··· Records for the task ···
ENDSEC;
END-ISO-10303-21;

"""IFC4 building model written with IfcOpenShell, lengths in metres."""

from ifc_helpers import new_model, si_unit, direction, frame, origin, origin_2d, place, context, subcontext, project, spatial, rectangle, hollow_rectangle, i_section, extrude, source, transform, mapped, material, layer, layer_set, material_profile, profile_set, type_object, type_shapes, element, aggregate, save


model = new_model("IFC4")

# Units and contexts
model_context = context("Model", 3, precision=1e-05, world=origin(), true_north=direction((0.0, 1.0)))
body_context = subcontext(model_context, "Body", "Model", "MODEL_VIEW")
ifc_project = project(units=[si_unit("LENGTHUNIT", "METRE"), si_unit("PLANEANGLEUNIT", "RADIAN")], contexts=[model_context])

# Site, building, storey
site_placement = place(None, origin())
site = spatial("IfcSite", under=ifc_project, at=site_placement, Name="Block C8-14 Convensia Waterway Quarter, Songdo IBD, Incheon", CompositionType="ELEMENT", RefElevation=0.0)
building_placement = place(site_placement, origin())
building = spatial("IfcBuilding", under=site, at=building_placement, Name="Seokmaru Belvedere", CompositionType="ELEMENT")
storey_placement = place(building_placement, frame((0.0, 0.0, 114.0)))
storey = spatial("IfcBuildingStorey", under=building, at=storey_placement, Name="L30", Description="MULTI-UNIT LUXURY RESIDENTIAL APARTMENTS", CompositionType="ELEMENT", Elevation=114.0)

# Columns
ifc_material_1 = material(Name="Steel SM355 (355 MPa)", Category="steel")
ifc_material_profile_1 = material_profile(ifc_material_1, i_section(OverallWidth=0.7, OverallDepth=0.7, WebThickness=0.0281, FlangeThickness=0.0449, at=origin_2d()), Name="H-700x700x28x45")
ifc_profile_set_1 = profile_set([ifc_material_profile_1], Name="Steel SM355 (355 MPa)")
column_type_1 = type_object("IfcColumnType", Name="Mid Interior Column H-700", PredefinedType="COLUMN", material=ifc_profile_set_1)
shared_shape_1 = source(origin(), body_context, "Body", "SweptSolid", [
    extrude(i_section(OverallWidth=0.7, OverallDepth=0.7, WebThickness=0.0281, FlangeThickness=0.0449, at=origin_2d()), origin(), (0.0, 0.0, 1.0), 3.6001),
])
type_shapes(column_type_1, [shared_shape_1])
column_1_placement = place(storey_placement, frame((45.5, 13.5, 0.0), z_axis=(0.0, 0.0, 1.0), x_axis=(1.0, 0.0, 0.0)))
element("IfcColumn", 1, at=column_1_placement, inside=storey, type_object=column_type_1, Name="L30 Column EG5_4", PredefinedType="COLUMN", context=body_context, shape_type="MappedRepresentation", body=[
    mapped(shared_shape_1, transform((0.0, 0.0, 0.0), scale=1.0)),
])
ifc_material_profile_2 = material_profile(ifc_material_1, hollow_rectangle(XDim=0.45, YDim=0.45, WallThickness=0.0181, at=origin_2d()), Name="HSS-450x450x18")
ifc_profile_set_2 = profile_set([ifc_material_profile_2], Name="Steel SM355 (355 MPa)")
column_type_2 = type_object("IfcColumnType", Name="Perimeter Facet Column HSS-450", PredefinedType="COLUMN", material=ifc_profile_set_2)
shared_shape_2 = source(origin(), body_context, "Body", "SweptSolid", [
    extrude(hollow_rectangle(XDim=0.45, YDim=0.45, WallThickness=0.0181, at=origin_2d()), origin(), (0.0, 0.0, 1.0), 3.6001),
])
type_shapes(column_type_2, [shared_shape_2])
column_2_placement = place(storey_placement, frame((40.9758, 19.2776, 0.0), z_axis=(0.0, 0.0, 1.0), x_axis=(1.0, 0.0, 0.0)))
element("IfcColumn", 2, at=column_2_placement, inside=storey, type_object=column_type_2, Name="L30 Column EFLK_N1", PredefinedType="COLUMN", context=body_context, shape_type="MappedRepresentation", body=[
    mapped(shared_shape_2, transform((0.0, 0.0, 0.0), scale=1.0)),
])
···
··· Records for the task ···
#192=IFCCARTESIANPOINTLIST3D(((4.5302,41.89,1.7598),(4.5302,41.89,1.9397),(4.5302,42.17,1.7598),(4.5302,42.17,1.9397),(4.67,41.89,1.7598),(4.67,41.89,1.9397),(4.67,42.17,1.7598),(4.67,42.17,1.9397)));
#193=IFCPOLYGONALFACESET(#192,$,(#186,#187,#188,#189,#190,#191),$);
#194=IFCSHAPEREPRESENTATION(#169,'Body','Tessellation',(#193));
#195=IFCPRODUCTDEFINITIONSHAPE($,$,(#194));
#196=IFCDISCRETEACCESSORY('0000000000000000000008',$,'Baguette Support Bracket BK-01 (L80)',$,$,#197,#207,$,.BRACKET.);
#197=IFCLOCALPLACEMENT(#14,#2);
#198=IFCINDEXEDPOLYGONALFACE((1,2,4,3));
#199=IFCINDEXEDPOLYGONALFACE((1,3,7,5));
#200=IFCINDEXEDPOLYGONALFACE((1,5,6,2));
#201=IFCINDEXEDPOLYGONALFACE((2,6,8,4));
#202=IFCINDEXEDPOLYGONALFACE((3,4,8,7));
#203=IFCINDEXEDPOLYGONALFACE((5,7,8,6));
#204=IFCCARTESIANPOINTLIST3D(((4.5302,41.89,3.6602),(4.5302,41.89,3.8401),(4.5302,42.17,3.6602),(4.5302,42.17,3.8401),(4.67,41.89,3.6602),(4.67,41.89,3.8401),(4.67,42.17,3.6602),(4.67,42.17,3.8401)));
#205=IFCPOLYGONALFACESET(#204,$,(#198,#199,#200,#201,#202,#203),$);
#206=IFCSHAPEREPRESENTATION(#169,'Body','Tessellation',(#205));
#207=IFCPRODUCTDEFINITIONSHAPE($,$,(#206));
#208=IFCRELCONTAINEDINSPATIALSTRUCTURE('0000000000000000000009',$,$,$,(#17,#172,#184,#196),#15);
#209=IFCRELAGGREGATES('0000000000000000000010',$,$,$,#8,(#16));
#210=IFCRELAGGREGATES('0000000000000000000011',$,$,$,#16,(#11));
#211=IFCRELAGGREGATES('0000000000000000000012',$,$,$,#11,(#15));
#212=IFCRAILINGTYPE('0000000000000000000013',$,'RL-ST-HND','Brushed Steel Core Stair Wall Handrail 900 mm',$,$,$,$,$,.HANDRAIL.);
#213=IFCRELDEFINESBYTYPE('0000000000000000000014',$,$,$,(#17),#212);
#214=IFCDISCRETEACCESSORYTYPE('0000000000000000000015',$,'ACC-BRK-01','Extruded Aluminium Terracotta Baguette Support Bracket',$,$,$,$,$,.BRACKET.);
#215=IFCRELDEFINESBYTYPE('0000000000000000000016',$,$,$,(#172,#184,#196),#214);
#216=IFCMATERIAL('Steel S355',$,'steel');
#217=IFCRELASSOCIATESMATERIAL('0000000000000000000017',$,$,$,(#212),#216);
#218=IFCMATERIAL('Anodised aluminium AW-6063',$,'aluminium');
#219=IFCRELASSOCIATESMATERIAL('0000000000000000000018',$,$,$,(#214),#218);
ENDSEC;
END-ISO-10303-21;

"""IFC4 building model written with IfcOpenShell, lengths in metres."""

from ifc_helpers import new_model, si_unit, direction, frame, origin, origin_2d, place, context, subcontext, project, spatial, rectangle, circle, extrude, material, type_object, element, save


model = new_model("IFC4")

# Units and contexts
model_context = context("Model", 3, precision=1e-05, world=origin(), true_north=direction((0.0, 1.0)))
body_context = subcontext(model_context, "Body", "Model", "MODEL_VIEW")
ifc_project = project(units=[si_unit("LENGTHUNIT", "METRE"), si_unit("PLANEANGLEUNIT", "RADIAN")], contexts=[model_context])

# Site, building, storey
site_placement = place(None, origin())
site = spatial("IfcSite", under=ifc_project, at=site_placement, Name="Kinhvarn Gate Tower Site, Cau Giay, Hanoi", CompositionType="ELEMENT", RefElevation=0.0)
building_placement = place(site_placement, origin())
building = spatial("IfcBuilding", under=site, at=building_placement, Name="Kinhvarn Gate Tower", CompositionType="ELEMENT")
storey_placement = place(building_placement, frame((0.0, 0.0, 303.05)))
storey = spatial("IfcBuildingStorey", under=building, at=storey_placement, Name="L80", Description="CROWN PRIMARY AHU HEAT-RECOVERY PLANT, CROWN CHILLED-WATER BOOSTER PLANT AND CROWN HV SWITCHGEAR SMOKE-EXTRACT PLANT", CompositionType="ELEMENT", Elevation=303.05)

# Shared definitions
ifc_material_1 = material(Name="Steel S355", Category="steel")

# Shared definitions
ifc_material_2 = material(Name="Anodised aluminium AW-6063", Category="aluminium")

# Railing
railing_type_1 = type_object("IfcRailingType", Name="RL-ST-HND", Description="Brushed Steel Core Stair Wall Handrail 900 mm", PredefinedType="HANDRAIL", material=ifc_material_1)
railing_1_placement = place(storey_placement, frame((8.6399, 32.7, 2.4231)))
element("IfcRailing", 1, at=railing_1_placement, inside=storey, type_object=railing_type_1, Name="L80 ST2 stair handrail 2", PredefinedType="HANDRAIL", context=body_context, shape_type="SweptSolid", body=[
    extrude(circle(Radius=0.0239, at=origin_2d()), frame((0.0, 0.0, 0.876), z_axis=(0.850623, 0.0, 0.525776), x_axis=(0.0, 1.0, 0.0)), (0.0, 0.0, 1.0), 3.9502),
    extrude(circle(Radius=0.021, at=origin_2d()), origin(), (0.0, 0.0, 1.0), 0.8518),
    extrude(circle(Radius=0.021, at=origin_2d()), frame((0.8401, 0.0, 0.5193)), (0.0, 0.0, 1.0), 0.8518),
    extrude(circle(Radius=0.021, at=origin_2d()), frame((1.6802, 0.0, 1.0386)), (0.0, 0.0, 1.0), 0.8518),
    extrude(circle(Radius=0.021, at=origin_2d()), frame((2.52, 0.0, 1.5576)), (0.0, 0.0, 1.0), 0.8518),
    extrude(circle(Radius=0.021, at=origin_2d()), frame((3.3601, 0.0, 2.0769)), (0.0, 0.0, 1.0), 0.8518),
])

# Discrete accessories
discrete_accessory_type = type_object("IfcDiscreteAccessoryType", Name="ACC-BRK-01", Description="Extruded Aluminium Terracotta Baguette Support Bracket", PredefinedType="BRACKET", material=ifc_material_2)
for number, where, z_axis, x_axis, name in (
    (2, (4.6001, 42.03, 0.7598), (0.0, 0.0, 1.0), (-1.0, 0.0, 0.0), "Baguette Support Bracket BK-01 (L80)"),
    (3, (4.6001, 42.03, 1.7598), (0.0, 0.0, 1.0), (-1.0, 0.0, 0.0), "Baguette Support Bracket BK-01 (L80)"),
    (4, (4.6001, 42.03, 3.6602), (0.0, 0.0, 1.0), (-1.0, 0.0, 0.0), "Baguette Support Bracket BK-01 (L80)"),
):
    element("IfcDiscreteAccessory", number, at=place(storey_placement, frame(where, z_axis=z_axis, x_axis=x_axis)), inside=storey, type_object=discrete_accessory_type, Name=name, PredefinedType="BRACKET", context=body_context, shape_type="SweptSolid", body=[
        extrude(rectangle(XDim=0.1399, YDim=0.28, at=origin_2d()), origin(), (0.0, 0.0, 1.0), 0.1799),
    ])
···
» **What you have to do**
What lines in the listing contain "IFCPOLYGONALFACESET"? Copy them all.

» **Answer for the task**
#193=IFCPOLYGONALFACESET(#192,$,(#186,#187,#188,#189,#190,#191),$);
#205=IFCPOLYGONALFACESET(#204,$,(#198,#199,#200,#201,#202,#203),$);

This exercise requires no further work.